(WHAT YOU NEED TO DO) Filter these entries so that only lines with the word "Priority" remain.

(DATA SHOWN)
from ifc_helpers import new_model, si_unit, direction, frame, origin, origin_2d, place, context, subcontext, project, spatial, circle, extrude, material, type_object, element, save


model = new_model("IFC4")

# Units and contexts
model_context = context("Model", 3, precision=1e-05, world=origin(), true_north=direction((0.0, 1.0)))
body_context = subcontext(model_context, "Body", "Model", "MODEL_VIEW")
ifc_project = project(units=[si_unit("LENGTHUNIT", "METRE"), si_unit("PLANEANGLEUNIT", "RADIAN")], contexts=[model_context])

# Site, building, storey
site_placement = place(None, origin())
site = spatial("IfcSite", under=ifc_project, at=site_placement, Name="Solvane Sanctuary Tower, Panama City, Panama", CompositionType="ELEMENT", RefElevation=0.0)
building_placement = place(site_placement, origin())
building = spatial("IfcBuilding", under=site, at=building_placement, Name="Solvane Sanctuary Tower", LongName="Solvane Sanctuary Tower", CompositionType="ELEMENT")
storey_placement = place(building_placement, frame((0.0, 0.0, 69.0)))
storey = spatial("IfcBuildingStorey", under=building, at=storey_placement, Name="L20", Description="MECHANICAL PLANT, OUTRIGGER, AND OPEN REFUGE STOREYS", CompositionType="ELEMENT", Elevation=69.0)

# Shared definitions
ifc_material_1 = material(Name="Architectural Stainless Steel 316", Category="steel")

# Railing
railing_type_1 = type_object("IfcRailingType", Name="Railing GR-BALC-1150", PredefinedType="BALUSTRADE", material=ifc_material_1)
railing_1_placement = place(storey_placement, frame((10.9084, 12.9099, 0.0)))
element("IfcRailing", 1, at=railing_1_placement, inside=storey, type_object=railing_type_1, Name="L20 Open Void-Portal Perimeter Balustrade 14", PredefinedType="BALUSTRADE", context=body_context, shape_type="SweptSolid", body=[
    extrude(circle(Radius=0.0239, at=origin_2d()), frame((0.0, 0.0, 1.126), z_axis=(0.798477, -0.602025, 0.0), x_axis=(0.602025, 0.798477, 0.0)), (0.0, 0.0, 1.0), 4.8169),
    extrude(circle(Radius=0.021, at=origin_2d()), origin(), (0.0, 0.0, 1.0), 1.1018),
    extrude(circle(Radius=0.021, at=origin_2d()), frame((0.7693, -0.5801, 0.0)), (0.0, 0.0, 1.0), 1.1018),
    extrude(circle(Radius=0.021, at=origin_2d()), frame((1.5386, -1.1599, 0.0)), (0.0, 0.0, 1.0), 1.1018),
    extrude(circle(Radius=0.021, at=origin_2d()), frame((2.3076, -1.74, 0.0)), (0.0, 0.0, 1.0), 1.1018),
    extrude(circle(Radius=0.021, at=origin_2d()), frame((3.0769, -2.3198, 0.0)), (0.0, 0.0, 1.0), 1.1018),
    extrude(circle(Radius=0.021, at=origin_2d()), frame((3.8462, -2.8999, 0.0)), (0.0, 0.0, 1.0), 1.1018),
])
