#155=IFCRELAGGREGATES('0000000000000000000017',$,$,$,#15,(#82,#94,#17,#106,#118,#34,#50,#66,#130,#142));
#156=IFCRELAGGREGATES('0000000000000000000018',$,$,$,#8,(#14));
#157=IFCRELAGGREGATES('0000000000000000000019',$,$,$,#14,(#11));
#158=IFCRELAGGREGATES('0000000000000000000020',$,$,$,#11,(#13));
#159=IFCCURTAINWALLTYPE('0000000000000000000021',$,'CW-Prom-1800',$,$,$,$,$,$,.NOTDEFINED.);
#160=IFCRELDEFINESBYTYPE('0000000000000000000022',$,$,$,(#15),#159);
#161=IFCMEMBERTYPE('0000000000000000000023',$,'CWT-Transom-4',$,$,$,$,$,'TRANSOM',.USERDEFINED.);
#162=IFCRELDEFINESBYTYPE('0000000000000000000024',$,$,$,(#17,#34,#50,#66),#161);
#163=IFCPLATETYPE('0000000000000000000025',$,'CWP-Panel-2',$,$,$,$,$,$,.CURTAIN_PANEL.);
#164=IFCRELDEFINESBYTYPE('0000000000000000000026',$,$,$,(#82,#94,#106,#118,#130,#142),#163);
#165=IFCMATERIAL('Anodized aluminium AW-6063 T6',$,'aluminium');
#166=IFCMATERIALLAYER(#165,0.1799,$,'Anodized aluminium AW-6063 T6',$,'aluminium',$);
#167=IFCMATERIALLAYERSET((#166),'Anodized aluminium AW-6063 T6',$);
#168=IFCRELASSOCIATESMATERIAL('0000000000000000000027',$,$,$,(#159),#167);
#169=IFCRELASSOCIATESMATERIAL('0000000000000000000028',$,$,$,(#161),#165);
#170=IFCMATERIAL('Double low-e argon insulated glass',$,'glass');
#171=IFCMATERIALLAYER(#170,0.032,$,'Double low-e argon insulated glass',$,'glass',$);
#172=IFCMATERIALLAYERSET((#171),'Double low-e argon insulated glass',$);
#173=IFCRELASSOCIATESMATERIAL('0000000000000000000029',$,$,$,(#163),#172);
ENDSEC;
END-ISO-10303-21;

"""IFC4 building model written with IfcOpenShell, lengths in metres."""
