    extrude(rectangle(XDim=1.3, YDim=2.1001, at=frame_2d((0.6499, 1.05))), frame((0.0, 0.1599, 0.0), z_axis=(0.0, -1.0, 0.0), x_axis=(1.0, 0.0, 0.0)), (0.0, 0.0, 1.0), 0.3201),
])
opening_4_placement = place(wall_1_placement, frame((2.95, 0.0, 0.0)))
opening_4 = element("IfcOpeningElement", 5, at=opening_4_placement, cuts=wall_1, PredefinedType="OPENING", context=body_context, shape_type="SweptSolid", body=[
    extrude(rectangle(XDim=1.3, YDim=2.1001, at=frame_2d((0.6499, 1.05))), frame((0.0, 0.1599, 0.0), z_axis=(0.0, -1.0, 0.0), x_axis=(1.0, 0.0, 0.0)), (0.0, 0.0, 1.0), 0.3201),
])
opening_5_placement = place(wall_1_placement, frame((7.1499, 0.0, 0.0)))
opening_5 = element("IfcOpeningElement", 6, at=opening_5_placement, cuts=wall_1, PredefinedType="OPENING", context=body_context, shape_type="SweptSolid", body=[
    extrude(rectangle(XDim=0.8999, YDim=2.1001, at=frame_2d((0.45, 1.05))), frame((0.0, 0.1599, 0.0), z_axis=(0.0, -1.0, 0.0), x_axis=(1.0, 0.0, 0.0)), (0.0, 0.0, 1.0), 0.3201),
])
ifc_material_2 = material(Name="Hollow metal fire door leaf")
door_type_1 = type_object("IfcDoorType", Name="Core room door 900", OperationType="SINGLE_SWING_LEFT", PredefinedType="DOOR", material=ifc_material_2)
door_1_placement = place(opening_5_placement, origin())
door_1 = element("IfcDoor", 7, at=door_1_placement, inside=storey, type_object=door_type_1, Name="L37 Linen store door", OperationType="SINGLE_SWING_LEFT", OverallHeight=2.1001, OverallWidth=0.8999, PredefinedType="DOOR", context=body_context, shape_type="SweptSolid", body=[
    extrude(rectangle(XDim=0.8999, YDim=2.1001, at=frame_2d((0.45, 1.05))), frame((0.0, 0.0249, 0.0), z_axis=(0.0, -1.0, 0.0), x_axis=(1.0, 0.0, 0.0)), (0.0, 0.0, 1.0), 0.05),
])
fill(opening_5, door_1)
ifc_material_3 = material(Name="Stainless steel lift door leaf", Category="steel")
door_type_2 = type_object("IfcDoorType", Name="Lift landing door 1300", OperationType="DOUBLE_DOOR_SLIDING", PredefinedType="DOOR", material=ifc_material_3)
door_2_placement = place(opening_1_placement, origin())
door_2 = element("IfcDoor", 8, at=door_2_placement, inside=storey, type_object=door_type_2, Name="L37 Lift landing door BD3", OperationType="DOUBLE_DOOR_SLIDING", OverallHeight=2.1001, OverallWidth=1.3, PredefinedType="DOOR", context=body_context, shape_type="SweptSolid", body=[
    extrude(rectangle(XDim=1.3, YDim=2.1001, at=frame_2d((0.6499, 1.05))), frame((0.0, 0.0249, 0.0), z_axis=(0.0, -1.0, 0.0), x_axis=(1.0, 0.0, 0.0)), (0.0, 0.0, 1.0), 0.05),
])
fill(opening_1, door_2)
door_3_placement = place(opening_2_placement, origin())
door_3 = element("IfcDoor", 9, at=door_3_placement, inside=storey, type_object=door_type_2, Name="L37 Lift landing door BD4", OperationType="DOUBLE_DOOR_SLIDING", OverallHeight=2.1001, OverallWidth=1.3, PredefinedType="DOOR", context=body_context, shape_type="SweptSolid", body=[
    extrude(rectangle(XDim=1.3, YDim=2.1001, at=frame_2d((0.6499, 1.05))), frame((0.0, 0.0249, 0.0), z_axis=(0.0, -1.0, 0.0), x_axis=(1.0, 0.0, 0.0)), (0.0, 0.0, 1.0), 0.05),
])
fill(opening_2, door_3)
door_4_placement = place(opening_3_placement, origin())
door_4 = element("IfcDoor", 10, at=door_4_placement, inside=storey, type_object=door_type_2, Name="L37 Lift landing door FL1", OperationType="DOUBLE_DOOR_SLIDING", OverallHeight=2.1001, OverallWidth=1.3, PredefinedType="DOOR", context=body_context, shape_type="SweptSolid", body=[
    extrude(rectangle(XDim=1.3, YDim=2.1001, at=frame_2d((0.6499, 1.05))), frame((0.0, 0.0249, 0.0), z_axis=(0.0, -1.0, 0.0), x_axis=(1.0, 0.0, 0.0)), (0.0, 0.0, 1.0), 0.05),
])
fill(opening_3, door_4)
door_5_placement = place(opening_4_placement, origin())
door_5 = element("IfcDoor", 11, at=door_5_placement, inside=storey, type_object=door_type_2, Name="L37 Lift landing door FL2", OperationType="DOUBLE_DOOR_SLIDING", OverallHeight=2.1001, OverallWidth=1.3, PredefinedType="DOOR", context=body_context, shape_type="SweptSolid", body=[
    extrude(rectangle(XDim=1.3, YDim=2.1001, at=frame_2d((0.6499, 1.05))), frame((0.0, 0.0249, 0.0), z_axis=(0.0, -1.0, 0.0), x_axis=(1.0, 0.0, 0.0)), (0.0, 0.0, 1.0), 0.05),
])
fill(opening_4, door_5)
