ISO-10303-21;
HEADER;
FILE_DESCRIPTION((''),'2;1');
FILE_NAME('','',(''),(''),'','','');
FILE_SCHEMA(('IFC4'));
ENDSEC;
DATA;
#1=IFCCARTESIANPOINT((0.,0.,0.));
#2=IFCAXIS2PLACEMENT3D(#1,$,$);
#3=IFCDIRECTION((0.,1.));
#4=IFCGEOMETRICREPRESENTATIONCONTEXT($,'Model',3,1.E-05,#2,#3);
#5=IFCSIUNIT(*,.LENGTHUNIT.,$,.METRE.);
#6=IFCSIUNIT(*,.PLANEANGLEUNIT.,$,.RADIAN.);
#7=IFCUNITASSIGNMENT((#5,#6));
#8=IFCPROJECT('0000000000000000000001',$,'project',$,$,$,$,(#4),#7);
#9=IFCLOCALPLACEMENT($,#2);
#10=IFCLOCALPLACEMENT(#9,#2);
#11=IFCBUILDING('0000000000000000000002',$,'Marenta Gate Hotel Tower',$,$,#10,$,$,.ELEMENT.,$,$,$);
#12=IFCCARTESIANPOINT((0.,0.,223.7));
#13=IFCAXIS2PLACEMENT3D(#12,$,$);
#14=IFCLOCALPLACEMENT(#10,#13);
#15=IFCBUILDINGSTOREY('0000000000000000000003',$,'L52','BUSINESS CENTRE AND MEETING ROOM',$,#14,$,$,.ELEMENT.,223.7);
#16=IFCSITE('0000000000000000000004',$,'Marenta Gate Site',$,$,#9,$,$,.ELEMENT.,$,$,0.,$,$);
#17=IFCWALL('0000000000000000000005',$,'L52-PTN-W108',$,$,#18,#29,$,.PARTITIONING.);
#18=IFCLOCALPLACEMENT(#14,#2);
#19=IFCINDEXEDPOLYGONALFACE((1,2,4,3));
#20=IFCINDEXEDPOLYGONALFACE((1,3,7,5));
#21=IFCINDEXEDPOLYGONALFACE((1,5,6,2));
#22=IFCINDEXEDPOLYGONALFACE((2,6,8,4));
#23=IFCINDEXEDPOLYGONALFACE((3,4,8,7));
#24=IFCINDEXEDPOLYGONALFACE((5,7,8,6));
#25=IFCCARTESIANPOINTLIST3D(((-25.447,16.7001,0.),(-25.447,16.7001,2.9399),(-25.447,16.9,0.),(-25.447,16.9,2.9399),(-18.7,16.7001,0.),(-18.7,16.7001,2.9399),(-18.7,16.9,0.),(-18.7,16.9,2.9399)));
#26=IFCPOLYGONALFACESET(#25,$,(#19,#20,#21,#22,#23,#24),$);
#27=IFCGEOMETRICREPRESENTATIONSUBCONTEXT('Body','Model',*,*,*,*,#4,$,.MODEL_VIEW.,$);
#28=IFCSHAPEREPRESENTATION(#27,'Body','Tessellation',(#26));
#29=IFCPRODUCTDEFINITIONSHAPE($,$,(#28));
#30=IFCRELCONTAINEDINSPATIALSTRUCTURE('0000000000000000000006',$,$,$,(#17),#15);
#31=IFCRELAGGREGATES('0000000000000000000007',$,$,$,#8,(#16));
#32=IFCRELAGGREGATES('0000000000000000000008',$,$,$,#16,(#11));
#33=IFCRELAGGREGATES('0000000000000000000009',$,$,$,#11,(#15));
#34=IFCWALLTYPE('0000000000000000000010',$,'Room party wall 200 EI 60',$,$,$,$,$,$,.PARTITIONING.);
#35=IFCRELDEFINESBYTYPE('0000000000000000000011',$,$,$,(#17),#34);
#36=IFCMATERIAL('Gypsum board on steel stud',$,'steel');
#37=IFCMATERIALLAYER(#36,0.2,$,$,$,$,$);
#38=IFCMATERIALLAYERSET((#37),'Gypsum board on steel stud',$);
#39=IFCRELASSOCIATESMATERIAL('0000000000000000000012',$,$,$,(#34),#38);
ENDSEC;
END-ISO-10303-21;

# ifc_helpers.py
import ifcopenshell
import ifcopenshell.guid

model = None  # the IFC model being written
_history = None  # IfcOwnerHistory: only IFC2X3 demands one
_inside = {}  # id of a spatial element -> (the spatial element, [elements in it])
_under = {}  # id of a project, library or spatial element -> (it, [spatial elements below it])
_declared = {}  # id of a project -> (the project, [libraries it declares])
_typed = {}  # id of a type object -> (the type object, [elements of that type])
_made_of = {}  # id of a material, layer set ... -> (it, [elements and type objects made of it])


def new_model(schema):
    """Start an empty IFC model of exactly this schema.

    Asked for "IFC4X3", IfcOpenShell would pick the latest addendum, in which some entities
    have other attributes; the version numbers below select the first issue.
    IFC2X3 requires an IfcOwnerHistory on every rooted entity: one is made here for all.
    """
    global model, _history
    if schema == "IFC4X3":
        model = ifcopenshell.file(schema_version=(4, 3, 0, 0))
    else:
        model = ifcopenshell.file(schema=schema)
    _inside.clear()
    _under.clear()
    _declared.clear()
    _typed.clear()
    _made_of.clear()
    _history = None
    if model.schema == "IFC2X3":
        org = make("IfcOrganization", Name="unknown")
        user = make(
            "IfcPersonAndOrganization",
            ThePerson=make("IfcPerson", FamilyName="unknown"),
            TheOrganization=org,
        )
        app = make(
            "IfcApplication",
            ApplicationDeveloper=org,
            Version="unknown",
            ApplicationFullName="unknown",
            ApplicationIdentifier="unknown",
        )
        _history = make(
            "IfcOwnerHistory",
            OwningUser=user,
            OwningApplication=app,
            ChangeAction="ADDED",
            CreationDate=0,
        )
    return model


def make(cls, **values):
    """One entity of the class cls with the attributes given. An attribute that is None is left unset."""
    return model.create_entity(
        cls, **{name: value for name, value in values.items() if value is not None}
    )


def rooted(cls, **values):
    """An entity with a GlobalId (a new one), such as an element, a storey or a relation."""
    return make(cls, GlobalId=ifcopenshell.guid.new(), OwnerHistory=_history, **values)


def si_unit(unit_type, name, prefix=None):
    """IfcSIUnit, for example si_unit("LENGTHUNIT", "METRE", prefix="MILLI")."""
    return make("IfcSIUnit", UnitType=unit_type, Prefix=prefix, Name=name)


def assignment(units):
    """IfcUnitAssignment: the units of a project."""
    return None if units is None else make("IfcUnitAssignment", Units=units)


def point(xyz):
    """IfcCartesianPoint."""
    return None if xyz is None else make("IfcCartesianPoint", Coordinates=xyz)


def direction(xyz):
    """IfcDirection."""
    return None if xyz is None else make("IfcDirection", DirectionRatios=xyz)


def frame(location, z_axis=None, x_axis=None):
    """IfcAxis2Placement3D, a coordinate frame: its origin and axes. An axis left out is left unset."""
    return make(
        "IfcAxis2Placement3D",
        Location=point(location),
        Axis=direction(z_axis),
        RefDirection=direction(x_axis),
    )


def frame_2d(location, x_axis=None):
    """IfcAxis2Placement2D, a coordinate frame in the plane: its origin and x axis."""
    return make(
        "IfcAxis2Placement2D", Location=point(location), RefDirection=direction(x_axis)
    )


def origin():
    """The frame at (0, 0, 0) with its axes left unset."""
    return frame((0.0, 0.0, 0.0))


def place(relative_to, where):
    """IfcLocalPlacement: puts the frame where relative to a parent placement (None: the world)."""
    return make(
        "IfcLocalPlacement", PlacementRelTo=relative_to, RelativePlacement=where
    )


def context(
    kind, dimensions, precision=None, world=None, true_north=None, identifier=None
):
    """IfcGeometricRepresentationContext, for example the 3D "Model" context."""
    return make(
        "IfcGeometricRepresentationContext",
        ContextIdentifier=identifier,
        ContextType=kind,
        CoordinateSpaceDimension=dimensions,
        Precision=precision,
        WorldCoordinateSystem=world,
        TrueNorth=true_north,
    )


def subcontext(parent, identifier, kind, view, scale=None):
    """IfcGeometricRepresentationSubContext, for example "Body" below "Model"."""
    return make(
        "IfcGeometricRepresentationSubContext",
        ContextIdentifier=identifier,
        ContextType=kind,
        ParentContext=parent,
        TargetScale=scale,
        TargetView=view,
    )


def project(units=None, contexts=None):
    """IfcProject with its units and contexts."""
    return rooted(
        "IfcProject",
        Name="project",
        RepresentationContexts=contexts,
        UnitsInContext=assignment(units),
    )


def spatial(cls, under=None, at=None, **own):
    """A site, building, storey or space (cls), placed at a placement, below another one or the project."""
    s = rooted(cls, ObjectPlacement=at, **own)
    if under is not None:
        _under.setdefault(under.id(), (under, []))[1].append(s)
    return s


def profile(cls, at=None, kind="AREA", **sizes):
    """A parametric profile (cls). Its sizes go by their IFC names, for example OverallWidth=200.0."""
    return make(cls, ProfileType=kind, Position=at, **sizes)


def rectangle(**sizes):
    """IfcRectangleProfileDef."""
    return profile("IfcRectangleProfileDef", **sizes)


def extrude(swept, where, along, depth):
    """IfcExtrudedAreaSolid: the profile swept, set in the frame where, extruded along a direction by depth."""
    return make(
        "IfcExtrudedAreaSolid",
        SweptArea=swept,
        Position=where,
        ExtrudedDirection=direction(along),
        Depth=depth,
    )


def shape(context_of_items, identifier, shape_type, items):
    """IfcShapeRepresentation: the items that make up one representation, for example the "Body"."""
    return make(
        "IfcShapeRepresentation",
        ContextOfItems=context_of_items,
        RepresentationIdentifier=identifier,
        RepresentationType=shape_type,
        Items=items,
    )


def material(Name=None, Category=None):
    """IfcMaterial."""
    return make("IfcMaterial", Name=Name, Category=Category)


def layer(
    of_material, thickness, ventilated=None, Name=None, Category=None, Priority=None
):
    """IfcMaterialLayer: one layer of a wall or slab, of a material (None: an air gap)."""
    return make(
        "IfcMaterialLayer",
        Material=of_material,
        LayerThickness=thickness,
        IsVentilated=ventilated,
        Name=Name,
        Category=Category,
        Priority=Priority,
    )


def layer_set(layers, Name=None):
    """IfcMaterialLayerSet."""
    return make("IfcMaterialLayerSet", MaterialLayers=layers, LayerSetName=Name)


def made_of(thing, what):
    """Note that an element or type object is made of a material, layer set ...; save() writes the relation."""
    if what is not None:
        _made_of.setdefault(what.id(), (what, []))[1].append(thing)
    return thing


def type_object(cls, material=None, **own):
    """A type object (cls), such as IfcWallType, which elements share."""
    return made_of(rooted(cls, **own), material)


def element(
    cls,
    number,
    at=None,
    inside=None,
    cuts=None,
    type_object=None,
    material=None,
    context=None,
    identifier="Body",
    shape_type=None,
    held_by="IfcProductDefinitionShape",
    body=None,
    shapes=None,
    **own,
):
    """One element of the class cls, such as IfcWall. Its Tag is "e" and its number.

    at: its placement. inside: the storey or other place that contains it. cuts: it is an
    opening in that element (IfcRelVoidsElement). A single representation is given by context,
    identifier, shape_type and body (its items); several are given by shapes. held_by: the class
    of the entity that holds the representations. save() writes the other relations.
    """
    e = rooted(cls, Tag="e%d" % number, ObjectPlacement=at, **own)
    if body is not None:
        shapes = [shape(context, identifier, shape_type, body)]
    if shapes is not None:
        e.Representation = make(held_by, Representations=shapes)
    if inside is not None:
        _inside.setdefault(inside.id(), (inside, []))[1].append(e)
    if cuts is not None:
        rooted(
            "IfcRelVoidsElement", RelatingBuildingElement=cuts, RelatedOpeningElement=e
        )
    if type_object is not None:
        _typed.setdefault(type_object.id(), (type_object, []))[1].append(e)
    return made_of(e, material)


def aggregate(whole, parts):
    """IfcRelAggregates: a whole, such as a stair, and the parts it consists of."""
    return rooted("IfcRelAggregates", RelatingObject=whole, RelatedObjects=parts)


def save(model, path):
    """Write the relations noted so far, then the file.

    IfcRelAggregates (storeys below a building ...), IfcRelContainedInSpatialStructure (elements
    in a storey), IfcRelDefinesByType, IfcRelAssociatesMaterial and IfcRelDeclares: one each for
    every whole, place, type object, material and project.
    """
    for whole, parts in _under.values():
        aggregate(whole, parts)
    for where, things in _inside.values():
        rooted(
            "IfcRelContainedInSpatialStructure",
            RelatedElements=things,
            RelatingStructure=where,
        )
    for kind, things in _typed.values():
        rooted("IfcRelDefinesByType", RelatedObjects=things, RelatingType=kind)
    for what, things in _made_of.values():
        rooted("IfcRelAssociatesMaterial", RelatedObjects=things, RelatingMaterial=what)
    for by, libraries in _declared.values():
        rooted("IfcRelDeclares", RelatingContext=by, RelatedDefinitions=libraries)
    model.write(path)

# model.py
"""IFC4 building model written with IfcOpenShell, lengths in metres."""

from ifc_helpers import new_model, si_unit, direction, frame, frame_2d, origin, place, context, subcontext, project, spatial, rectangle, extrude, material, layer, layer_set, type_object, element, save


model = new_model("IFC4")

# Units and contexts
model_context = context("Model", 3, precision=1e-05, world=origin(), true_north=direction((0.0, 1.0)))
body_context = subcontext(model_context, "Body", "Model", "MODEL_VIEW")
ifc_project = project(units=[si_unit("LENGTHUNIT", "METRE"), si_unit("PLANEANGLEUNIT", "RADIAN")], contexts=[model_context])

# Site, building, storey
site_placement = place(None, origin())
site = spatial("IfcSite", under=ifc_project, at=site_placement, Name="Marenta Gate Site", CompositionType="ELEMENT", RefElevation=0.0)
building_placement = place(site_placement, origin())
building = spatial("IfcBuilding", under=site, at=building_placement, Name="Marenta Gate Hotel Tower", CompositionType="ELEMENT")
storey_placement = place(building_placement, frame((0.0, 0.0, 223.7)))
storey = spatial("IfcBuildingStorey", under=building, at=storey_placement, Name="L52", Description="BUSINESS CENTRE AND MEETING ROOM", CompositionType="ELEMENT", Elevation=223.7)

# Wall
ifc_material_1 = material(Name="Gypsum board on steel stud", Category="steel")
ifc_layer_1 = layer(ifc_material_1, 0.2)
ifc_layer_set_1 = layer_set([ifc_layer_1], Name="Gypsum board on steel stud")
wall_type_1 = type_object("IfcWallType", Name="Room party wall 200 EI 60", PredefinedType="PARTITIONING", material=ifc_layer_set_1)
wall_1_placement = place(storey_placement, frame((-25.447, 16.8, 0.0), z_axis=(0.0, 0.0, 1.0), x_axis=(1.0, 0.0, 0.0)))
element("IfcWall", 1, at=wall_1_placement, inside=storey, type_object=wall_type_1, Name="L52-PTN-W108", PredefinedType="PARTITIONING", context=body_context, shape_type="SweptSolid", body=[
    extrude(rectangle(XDim=6.7471, YDim=0.2, at=frame_2d((3.3735, 0.0))), origin(), (0.0, 0.0, 1.0), 2.9399),
])

save(model, "model.ifc")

(EXPECTED ANSWER)
    of_material, thickness, ventilated=None, Name=None, Category=None, Priority=None
        Priority=Priority,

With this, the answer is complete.